[EXERCISE DESCRIPTION] Would you write out the records below exactly as given?
***** EXERCISE INPUT *****
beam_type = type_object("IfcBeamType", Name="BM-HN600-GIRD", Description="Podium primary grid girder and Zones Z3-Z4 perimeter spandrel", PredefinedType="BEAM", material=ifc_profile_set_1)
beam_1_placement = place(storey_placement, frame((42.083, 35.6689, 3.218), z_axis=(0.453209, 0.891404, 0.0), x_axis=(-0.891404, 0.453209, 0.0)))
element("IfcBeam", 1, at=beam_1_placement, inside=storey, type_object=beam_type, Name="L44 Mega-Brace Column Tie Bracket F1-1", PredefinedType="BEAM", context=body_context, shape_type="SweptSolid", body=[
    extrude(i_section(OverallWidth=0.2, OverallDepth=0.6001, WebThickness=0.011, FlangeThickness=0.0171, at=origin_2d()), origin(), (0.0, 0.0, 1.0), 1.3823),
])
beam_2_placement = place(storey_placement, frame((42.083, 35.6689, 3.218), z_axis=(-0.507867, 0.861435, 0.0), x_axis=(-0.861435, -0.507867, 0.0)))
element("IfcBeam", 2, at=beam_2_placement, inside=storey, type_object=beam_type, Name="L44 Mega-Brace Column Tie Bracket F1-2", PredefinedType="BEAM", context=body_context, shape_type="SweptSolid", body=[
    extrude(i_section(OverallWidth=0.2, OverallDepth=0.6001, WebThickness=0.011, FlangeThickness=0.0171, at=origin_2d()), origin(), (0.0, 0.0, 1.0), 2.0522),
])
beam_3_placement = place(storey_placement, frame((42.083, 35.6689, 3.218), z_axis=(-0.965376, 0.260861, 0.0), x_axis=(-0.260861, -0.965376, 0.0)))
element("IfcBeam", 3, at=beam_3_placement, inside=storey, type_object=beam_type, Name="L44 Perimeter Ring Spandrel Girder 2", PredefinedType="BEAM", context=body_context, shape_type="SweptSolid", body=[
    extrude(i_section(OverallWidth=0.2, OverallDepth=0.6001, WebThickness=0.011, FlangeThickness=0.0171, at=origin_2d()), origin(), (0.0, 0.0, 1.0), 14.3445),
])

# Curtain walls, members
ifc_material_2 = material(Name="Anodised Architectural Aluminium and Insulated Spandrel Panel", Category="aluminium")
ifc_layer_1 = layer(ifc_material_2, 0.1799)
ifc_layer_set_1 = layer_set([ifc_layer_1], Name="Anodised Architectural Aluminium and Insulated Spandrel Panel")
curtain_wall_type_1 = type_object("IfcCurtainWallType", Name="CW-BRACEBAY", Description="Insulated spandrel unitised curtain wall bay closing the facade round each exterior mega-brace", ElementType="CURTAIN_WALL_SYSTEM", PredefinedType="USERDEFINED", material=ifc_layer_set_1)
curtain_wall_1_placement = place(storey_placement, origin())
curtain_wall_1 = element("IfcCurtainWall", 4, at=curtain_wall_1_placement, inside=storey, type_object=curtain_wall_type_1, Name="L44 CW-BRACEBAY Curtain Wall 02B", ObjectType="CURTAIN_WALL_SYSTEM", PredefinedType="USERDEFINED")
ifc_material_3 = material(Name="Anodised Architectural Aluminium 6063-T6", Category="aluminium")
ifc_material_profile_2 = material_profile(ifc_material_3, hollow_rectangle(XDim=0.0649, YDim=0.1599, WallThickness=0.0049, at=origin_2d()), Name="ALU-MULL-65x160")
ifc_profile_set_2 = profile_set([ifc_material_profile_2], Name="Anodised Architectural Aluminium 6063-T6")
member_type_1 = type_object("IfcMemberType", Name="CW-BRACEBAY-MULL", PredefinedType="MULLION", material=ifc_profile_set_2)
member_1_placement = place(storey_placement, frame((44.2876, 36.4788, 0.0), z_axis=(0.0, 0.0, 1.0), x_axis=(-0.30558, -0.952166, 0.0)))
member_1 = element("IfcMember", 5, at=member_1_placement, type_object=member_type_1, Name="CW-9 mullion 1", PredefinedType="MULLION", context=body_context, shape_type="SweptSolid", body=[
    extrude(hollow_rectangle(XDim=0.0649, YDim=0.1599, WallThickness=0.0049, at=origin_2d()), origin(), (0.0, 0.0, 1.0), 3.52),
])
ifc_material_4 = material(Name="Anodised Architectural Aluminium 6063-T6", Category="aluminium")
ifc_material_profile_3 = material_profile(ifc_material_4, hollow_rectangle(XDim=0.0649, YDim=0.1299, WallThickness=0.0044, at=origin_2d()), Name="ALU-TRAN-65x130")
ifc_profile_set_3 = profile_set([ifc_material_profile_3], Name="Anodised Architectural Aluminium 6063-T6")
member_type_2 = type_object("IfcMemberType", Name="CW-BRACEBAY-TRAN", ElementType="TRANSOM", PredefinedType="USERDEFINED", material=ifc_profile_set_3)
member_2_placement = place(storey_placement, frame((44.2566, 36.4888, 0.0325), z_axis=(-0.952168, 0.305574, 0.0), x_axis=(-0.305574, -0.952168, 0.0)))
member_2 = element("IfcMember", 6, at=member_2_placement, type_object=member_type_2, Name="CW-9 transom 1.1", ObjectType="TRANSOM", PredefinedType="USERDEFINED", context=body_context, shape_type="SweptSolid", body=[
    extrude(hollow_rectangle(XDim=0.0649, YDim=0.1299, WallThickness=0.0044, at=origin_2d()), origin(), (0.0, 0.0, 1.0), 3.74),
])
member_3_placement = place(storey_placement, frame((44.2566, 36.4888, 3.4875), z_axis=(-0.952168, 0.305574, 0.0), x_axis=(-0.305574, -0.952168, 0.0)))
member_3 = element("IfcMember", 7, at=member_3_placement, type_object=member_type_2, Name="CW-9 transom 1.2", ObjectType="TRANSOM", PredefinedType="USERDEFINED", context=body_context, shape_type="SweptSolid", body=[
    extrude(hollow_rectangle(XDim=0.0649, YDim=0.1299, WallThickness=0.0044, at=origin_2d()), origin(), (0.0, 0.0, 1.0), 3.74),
*****
[ANSWER TO THIS TASK]
beam_type = type_object("IfcBeamType", Name="BM-HN600-GIRD", Description="Podium primary grid girder and Zones Z3-Z4 perimeter spandrel", PredefinedType="BEAM", material=ifc_profile_set_1)
beam_1_placement = place(storey_placement, frame((42.083, 35.6689, 3.218), z_axis=(0.453209, 0.891404, 0.0), x_axis=(-0.891404, 0.453209, 0.0)))
element("IfcBeam", 1, at=beam_1_placement, inside=storey, type_object=beam_type, Name="L44 Mega-Brace Column Tie Bracket F1-1", PredefinedType="BEAM", context=body_context, shape_type="SweptSolid", body=[
    extrude(i_section(OverallWidth=0.2, OverallDepth=0.6001, WebThickness=0.011, FlangeThickness=0.0171, at=origin_2d()), origin(), (0.0, 0.0, 1.0), 1.3823),
])
beam_2_placement = place(storey_placement, frame((42.083, 35.6689, 3.218), z_axis=(-0.507867, 0.861435, 0.0), x_axis=(-0.861435, -0.507867, 0.0)))
element("IfcBeam", 2, at=beam_2_placement, inside=storey, type_object=beam_type, Name="L44 Mega-Brace Column Tie Bracket F1-2", PredefinedType="BEAM", context=body_context, shape_type="SweptSolid", body=[
    extrude(i_section(OverallWidth=0.2, OverallDepth=0.6001, WebThickness=0.011, FlangeThickness=0.0171, at=origin_2d()), origin(), (0.0, 0.0, 1.0), 2.0522),
])
beam_3_placement = place(storey_placement, frame((42.083, 35.6689, 3.218), z_axis=(-0.965376, 0.260861, 0.0), x_axis=(-0.260861, -0.965376, 0.0)))
element("IfcBeam", 3, at=beam_3_placement, inside=storey, type_object=beam_type, Name="L44 Perimeter Ring Spandrel Girder 2", PredefinedType="BEAM", context=body_context, shape_type="SweptSolid", body=[
    extrude(i_section(OverallWidth=0.2, OverallDepth=0.6001, WebThickness=0.011, FlangeThickness=0.0171, at=origin_2d()), origin(), (0.0, 0.0, 1.0), 14.3445),
])

# Curtain walls, members
ifc_material_2 = material(Name="Anodised Architectural Aluminium and Insulated Spandrel Panel", Category="aluminium")
ifc_layer_1 = layer(ifc_material_2, 0.1799)
ifc_layer_set_1 = layer_set([ifc_layer_1], Name="Anodised Architectural Aluminium and Insulated Spandrel Panel")
curtain_wall_type_1 = type_object("IfcCurtainWallType", Name="CW-BRACEBAY", Description="Insulated spandrel unitised curtain wall bay closing the facade round each exterior mega-brace", ElementType="CURTAIN_WALL_SYSTEM", PredefinedType="USERDEFINED", material=ifc_layer_set_1)
curtain_wall_1_placement = place(storey_placement, origin())
curtain_wall_1 = element("IfcCurtainWall", 4, at=curtain_wall_1_placement, inside=storey, type_object=curtain_wall_type_1, Name="L44 CW-BRACEBAY Curtain Wall 02B", ObjectType="CURTAIN_WALL_SYSTEM", PredefinedType="USERDEFINED")
ifc_material_3 = material(Name="Anodised Architectural Aluminium 6063-T6", Category="aluminium")
ifc_material_profile_2 = material_profile(ifc_material_3, hollow_rectangle(XDim=0.0649, YDim=0.1599, WallThickness=0.0049, at=origin_2d()), Name="ALU-MULL-65x160")
ifc_profile_set_2 = profile_set([ifc_material_profile_2], Name="Anodised Architectural Aluminium 6063-T6")
member_type_1 = type_object("IfcMemberType", Name="CW-BRACEBAY-MULL", PredefinedType="MULLION", material=ifc_profile_set_2)
member_1_placement = place(storey_placement, frame((44.2876, 36.4788, 0.0), z_axis=(0.0, 0.0, 1.0), x_axis=(-0.30558, -0.952166, 0.0)))
member_1 = element("IfcMember", 5, at=member_1_placement, type_object=member_type_1, Name="CW-9 mullion 1", PredefinedType="MULLION", context=body_context, shape_type="SweptSolid", body=[
    extrude(hollow_rectangle(XDim=0.0649, YDim=0.1599, WallThickness=0.0049, at=origin_2d()), origin(), (0.0, 0.0, 1.0), 3.52),
])
ifc_material_4 = material(Name="Anodised Architectural Aluminium 6063-T6", Category="aluminium")
ifc_material_profile_3 = material_profile(ifc_material_4, hollow_rectangle(XDim=0.0649, YDim=0.1299, WallThickness=0.0044, at=origin_2d()), Name="ALU-TRAN-65x130")
ifc_profile_set_3 = profile_set([ifc_material_profile_3], Name="Anodised Architectural Aluminium 6063-T6")
member_type_2 = type_object("IfcMemberType", Name="CW-BRACEBAY-TRAN", ElementType="TRANSOM", PredefinedType="USERDEFINED", material=ifc_profile_set_3)
member_2_placement = place(storey_placement, frame((44.2566, 36.4888, 0.0325), z_axis=(-0.952168, 0.305574, 0.0), x_axis=(-0.305574, -0.952168, 0.0)))
member_2 = element("IfcMember", 6, at=member_2_placement, type_object=member_type_2, Name="CW-9 transom 1.1", ObjectType="TRANSOM", PredefinedType="USERDEFINED", context=body_context, shape_type="SweptSolid", body=[
    extrude(hollow_rectangle(XDim=0.0649, YDim=0.1299, WallThickness=0.0044, at=origin_2d()), origin(), (0.0, 0.0, 1.0), 3.74),
])
member_3_placement = place(storey_placement, frame((44.2566, 36.4888, 3.4875), z_axis=(-0.952168, 0.305574, 0.0), x_axis=(-0.305574, -0.952168, 0.0)))
member_3 = element("IfcMember", 7, at=member_3_placement, type_object=member_type_2, Name="CW-9 transom 1.2", ObjectType="TRANSOM", PredefinedType="USERDEFINED", context=body_context, shape_type="SweptSolid", body=[
    extrude(hollow_rectangle(XDim=0.0649, YDim=0.1299, WallThickness=0.0044, at=origin_2d()), origin(), (0.0, 0.0, 1.0), 3.74),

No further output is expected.